[Records from a data source]

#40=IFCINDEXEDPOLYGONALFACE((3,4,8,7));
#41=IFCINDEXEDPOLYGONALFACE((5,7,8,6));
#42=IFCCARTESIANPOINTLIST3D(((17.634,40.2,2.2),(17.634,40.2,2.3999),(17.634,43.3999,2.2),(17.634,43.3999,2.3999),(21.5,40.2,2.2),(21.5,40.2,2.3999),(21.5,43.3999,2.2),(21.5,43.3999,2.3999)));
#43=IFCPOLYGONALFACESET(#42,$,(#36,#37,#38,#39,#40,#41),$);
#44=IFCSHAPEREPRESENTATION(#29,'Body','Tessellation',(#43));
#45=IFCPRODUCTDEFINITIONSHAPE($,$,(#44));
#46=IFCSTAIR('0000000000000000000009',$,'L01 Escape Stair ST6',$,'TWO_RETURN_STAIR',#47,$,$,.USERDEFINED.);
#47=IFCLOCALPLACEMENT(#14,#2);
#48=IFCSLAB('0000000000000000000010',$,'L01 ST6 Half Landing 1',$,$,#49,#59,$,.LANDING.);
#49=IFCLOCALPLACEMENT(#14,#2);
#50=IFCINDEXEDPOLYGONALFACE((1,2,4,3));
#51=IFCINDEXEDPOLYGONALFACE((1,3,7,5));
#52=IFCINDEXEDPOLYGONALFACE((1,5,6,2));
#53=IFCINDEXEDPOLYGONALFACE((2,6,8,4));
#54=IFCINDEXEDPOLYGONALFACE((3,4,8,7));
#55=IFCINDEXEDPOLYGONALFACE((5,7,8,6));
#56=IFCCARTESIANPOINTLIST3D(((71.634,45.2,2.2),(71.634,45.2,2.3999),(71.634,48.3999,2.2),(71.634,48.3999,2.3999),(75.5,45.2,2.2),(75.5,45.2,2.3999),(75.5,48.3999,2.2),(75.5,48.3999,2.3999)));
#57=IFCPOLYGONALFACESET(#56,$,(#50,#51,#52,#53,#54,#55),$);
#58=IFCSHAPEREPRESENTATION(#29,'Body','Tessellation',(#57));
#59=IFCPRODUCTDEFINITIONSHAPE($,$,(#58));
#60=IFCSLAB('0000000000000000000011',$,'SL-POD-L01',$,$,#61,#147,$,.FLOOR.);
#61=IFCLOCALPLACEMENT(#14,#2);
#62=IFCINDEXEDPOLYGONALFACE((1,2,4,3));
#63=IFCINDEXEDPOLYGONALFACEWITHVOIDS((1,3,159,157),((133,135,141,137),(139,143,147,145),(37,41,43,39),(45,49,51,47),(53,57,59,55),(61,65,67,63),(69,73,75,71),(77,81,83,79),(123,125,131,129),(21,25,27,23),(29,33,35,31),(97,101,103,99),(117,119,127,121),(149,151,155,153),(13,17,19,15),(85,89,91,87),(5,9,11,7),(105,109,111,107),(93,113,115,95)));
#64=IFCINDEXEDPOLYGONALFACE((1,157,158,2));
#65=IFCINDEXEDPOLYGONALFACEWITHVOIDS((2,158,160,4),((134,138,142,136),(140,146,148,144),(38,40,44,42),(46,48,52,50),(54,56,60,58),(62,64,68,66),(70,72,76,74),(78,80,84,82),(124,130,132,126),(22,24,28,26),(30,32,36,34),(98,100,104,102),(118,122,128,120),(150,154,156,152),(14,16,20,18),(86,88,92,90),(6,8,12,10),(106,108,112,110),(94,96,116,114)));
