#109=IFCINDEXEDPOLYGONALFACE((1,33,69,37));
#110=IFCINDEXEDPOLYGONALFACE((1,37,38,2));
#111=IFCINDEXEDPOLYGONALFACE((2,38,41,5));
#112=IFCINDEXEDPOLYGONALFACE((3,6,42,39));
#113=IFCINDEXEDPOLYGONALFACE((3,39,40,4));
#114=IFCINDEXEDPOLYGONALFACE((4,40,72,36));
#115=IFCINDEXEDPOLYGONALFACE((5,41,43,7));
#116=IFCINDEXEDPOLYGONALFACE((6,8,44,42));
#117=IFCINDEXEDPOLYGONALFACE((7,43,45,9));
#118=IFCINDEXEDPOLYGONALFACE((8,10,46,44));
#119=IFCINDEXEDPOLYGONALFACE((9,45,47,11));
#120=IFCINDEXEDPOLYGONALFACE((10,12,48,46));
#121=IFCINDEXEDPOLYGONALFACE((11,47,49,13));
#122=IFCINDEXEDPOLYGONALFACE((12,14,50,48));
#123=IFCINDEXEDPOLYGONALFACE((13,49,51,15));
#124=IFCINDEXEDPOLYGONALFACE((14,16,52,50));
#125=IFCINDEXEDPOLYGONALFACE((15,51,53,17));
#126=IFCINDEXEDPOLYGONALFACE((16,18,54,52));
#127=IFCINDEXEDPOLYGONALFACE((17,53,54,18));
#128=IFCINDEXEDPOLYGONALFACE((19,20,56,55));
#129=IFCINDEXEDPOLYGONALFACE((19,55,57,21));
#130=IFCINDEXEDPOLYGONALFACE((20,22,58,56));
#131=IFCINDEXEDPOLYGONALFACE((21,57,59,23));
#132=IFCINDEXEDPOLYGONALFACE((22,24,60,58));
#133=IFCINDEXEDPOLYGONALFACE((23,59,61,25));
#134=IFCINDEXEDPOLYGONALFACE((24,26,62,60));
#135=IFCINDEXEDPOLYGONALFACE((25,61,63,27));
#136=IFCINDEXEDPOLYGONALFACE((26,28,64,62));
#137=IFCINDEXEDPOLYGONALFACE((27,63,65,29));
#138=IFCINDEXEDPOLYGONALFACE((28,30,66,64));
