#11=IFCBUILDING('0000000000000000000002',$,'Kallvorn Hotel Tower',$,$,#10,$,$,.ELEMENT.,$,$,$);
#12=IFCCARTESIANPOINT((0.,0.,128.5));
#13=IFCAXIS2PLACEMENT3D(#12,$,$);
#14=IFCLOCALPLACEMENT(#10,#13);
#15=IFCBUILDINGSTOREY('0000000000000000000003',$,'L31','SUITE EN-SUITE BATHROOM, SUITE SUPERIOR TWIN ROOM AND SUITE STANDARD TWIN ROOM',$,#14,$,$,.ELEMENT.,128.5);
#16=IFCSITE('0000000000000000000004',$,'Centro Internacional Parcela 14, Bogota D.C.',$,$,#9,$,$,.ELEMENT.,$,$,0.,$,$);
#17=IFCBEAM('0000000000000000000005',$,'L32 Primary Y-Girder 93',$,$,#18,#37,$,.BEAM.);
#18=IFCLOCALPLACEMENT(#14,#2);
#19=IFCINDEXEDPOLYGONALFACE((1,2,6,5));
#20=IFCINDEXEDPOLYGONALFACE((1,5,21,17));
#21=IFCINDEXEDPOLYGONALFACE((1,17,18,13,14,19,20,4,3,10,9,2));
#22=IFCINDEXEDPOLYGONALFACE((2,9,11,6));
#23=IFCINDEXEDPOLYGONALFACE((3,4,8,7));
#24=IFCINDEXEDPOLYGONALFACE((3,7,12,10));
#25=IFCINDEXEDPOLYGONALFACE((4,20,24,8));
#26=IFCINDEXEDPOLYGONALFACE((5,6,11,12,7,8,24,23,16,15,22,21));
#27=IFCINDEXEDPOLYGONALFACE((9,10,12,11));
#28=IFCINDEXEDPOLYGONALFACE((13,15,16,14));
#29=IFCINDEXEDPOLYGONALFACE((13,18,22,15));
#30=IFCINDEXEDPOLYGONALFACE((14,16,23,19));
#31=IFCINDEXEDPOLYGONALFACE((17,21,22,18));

- _DIRECTIONS FOR THIS TASK_
Please restate the records in full, word for word.

- _TASK RESPONSE_
#40=IFCINDEXEDPOLYGONALFACE((3,4,8,7));
#41=IFCINDEXEDPOLYGONALFACE((5,7,8,6));
#42=IFCCARTESIANPOINTLIST3D(((17.634,40.2,2.2),(17.634,40.2,2.3999),(17.634,43.3999,2.2),(17.634,43.3999,2.3999),(21.5,40.2,2.2),(21.5,40.2,2.3999),(21.5,43.3999,2.2),(21.5,43.3999,2.3999)));
#43=IFCPOLYGONALFACESET(#42,$,(#36,#37,#38,#39,#40,#41),$);
#44=IFCSHAPEREPRESENTATION(#29,'Body','Tessellation',(#43));
#45=IFCPRODUCTDEFINITIONSHAPE($,$,(#44));
#46=IFCSTAIR('0000000000000000000009',$,'L01 Escape Stair ST6',$,'TWO_RETURN_STAIR',#47,$,$,.USERDEFINED.);
#47=IFCLOCALPLACEMENT(#14,#2);
#48=IFCSLAB('0000000000000000000010',$,'L01 ST6 Half Landing 1',$,$,#49,#59,$,.LANDING.);
#49=IFCLOCALPLACEMENT(#14,#2);
#50=IFCINDEXEDPOLYGONALFACE((1,2,4,3));
#51=IFCINDEXEDPOLYGONALFACE((1,3,7,5));
#52=IFCINDEXEDPOLYGONALFACE((1,5,6,2));
#53=IFCINDEXEDPOLYGONALFACE((2,6,8,4));
#54=IFCINDEXEDPOLYGONALFACE((3,4,8,7));
#55=IFCINDEXEDPOLYGONALFACE((5,7,8,6));
#56=IFCCARTESIANPOINTLIST3D(((71.634,45.2,2.2),(71.634,45.2,2.3999),(71.634,48.3999,2.2),(71.634,48.3999,2.3999),(75.5,45.2,2.2),(75.5,45.2,2.3999),(75.5,48.3999,2.2),(75.5,48.3999,2.3999)));
#57=IFCPOLYGONALFACESET(#56,$,(#50,#51,#52,#53,#54,#55),$);
#58=IFCSHAPEREPRESENTATION(#29,'Body','Tessellation',(#57));
#59=IFCPRODUCTDEFINITIONSHAPE($,$,(#58));
#60=IFCSLAB('0000000000000000000011',$,'SL-POD-L01',$,$,#61,#147,$,.FLOOR.);
#61=IFCLOCALPLACEMENT(#14,#2);
#62=IFCINDEXEDPOLYGONALFACE((1,2,4,3));
#63=IFCINDEXEDPOLYGONALFACEWITHVOIDS((1,3,159,157),((133,135,141,137),(139,143,147,145),(37,41,43,39),(45,49,51,47),(53,57,59,55),(61,65,67,63),(69,73,75,71),(77,81,83,79),(123,125,131,129),(21,25,27,23),(29,33,35,31),(97,101,103,99),(117,119,127,121),(149,151,155,153),(13,17,19,15),(85,89,91,87),(5,9,11,7),(105,109,111,107),(93,113,115,95)));
#64=IFCINDEXEDPOLYGONALFACE((1,157,158,2));
#65=IFCINDEXEDPOLYGONALFACEWITHVOIDS((2,158,160,4),((134,138,142,136),(140,146,148,144),(38,40,44,42),(46,48,52,50),(54,56,60,58),(62,64,68,66),(70,72,76,74),(78,80,84,82),(124,130,132,126),(22,24,28,26),(30,32,36,34),(98,100,104,102),(118,122,128,120),(150,154,156,152),(14,16,20,18),(86,88,92,90),(6,8,12,10),(106,108,112,110),(94,96,116,114)));
#109=IFCINDEXEDPOLYGONALFACE((1,33,69,37));
#110=IFCINDEXEDPOLYGONALFACE((1,37,38,2));
#111=IFCINDEXEDPOLYGONALFACE((2,38,41,5));
#112=IFCINDEXEDPOLYGONALFACE((3,6,42,39));
#113=IFCINDEXEDPOLYGONALFACE((3,39,40,4));
#114=IFCINDEXEDPOLYGONALFACE((4,40,72,36));
#115=IFCINDEXEDPOLYGONALFACE((5,41,43,7));
#116=IFCINDEXEDPOLYGONALFACE((6,8,44,42));
#117=IFCINDEXEDPOLYGONALFACE((7,43,45,9));
#118=IFCINDEXEDPOLYGONALFACE((8,10,46,44));
#119=IFCINDEXEDPOLYGONALFACE((9,45,47,11));
#120=IFCINDEXEDPOLYGONALFACE((10,12,48,46));
#121=IFCINDEXEDPOLYGONALFACE((11,47,49,13));
#122=IFCINDEXEDPOLYGONALFACE((12,14,50,48));
#123=IFCINDEXEDPOLYGONALFACE((13,49,51,15));
#124=IFCINDEXEDPOLYGONALFACE((14,16,52,50));
#125=IFCINDEXEDPOLYGONALFACE((15,51,53,17));
#126=IFCINDEXEDPOLYGONALFACE((16,18,54,52));
#127=IFCINDEXEDPOLYGONALFACE((17,53,54,18));
#128=IFCINDEXEDPOLYGONALFACE((19,20,56,55));
#129=IFCINDEXEDPOLYGONALFACE((19,55,57,21));
#130=IFCINDEXEDPOLYGONALFACE((20,22,58,56));
#131=IFCINDEXEDPOLYGONALFACE((21,57,59,23));
#132=IFCINDEXEDPOLYGONALFACE((22,24,60,58));
#133=IFCINDEXEDPOLYGONALFACE((23,59,61,25));
#134=IFCINDEXEDPOLYGONALFACE((24,26,62,60));
#135=IFCINDEXEDPOLYGONALFACE((25,61,63,27));
#136=IFCINDEXEDPOLYGONALFACE((26,28,64,62));
#137=IFCINDEXEDPOLYGONALFACE((27,63,65,29));
#138=IFCINDEXEDPOLYGONALFACE((28,30,66,64));
#11=IFCBUILDING('0000000000000000000002',$,'Kallvorn Hotel Tower',$,$,#10,$,$,.ELEMENT.,$,$,$);
#12=IFCCARTESIANPOINT((0.,0.,128.5));
#13=IFCAXIS2PLACEMENT3D(#12,$,$);
#14=IFCLOCALPLACEMENT(#10,#13);
#15=IFCBUILDINGSTOREY('0000000000000000000003',$,'L31','SUITE EN-SUITE BATHROOM, SUITE SUPERIOR TWIN ROOM AND SUITE STANDARD TWIN ROOM',$,#14,$,$,.ELEMENT.,128.5);
#16=IFCSITE('0000000000000000000004',$,'Centro Internacional Parcela 14, Bogota D.C.',$,$,#9,$,$,.ELEMENT.,$,$,0.,$,$);
#17=IFCBEAM('0000000000000000000005',$,'L32 Primary Y-Girder 93',$,$,#18,#37,$,.BEAM.);
#18=IFCLOCALPLACEMENT(#14,#2);
#19=IFCINDEXEDPOLYGONALFACE((1,2,6,5));
#20=IFCINDEXEDPOLYGONALFACE((1,5,21,17));
#21=IFCINDEXEDPOLYGONALFACE((1,17,18,13,14,19,20,4,3,10,9,2));
#22=IFCINDEXEDPOLYGONALFACE((2,9,11,6));
#23=IFCINDEXEDPOLYGONALFACE((3,4,8,7));
#24=IFCINDEXEDPOLYGONALFACE((3,7,12,10));
#25=IFCINDEXEDPOLYGONALFACE((4,20,24,8));
#26=IFCINDEXEDPOLYGONALFACE((5,6,11,12,7,8,24,23,16,15,22,21));
#27=IFCINDEXEDPOLYGONALFACE((9,10,12,11));
#28=IFCINDEXEDPOLYGONALFACE((13,15,16,14));
#29=IFCINDEXEDPOLYGONALFACE((13,18,22,15));
#30=IFCINDEXEDPOLYGONALFACE((14,16,23,19));
#31=IFCINDEXEDPOLYGONALFACE((17,21,22,18));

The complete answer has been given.